- _WORK TASK_:
Please restate, word for word, the lines below that begin at the one with "#141=IFCINDEXEDPOLYGONALFACE((31,67,70,34));" and end at the one with "#144=IFCINDEXEDPOLYGONALFACE((35,36,72,71));". Leave out all other lines.

- _SOURCE RECORDS_:
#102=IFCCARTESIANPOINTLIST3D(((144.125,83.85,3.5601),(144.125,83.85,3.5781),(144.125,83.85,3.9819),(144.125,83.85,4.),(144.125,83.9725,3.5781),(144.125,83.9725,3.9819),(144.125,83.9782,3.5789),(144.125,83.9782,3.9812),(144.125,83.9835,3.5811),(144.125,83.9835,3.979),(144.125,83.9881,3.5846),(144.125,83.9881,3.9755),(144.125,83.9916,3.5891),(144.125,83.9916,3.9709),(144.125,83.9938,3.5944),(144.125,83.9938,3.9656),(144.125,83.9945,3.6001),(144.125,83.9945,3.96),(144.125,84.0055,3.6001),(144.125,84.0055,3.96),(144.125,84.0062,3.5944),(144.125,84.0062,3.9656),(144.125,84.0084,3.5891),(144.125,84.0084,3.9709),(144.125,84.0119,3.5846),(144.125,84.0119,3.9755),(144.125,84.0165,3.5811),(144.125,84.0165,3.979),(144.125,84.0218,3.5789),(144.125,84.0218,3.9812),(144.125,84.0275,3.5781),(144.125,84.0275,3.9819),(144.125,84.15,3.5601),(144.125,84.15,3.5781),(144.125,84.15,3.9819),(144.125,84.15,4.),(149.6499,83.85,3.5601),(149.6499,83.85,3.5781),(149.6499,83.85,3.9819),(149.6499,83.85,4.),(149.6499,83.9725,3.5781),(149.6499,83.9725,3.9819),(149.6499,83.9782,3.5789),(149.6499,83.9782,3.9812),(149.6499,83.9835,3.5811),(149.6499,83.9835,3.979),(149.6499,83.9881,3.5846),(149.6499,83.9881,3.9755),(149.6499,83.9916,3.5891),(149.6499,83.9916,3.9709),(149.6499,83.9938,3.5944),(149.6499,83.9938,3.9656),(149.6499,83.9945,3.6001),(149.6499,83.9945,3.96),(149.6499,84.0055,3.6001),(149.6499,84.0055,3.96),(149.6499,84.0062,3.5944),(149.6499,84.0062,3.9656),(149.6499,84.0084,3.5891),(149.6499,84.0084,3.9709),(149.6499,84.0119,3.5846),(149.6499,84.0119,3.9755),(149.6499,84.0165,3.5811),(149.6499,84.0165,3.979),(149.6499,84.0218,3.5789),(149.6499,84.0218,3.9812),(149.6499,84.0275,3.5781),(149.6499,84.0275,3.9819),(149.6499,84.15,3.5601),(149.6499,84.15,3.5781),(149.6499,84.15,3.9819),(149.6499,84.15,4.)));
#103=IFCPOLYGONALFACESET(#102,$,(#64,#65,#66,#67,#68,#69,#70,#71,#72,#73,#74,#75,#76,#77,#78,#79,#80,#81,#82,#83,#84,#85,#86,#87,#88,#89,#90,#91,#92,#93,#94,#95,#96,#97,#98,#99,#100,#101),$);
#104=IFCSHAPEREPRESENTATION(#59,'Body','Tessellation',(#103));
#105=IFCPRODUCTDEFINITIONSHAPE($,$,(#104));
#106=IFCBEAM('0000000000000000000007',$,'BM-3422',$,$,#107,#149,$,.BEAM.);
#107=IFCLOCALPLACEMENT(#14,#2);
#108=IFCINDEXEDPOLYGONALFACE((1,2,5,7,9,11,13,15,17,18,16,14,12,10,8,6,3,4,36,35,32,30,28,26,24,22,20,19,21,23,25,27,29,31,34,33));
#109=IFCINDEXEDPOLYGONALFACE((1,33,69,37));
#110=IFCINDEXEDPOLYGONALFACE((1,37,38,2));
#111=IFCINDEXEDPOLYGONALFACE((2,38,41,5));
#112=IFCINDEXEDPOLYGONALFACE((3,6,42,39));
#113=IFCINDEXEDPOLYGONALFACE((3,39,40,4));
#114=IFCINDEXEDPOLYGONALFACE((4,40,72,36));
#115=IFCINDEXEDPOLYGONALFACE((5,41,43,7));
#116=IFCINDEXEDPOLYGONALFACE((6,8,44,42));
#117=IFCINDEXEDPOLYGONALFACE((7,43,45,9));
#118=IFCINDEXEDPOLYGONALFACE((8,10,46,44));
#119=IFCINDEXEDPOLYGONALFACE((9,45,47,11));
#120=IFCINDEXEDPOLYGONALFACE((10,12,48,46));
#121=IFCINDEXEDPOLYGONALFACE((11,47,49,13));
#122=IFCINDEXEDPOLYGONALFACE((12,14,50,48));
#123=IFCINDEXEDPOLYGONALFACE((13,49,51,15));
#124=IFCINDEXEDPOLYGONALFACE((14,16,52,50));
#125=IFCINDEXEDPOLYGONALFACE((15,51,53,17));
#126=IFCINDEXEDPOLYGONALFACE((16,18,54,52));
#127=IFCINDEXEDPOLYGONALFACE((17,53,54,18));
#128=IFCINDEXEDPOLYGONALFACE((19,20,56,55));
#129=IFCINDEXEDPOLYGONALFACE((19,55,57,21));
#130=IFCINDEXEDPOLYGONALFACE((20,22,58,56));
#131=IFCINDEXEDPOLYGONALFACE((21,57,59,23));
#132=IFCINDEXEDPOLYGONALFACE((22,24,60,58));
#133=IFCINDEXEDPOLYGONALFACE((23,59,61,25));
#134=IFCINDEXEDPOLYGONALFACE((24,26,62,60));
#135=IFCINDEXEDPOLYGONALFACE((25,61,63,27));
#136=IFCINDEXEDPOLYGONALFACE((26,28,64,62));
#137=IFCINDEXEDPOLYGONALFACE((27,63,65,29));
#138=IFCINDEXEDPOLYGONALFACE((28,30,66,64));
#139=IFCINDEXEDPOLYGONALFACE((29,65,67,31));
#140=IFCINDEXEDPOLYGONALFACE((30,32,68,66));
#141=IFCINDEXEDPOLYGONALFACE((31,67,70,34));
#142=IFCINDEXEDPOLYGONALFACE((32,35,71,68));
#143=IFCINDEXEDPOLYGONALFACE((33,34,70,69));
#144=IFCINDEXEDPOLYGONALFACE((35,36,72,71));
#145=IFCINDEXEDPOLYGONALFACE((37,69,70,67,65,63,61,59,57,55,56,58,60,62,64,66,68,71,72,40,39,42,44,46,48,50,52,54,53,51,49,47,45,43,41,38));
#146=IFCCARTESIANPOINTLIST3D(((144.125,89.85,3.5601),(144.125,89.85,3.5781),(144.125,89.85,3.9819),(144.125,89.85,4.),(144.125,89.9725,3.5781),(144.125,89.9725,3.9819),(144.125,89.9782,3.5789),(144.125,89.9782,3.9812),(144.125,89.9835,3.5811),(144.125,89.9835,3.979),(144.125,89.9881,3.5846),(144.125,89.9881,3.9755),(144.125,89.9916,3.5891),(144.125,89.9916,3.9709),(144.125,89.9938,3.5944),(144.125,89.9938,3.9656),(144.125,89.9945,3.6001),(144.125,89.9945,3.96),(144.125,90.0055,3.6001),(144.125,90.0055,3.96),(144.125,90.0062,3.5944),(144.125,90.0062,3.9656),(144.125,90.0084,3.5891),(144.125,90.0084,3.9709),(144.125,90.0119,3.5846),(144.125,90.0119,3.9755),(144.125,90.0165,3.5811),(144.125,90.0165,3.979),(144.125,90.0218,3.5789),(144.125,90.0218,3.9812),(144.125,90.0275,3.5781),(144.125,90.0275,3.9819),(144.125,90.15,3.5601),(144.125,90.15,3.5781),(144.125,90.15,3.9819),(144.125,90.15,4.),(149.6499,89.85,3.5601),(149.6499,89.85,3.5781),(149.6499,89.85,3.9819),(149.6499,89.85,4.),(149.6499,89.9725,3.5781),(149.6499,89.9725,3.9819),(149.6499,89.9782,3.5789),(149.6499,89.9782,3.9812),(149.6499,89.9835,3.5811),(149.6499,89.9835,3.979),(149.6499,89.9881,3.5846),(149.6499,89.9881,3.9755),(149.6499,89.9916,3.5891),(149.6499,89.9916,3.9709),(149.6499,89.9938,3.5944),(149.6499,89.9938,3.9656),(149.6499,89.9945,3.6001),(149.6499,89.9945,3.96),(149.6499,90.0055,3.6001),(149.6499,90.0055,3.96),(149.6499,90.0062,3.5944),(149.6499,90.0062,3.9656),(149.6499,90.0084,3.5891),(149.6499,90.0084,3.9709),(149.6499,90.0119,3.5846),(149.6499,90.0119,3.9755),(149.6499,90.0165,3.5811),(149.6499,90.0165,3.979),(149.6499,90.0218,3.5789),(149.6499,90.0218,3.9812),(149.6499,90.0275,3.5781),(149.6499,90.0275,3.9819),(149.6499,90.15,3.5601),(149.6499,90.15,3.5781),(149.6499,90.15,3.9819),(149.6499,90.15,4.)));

- _OUTPUT BELOW_:
#141=IFCINDEXEDPOLYGONALFACE((31,67,70,34));
#142=IFCINDEXEDPOLYGONALFACE((32,35,71,68));
#143=IFCINDEXEDPOLYGONALFACE((33,34,70,69));
#144=IFCINDEXEDPOLYGONALFACE((35,36,72,71));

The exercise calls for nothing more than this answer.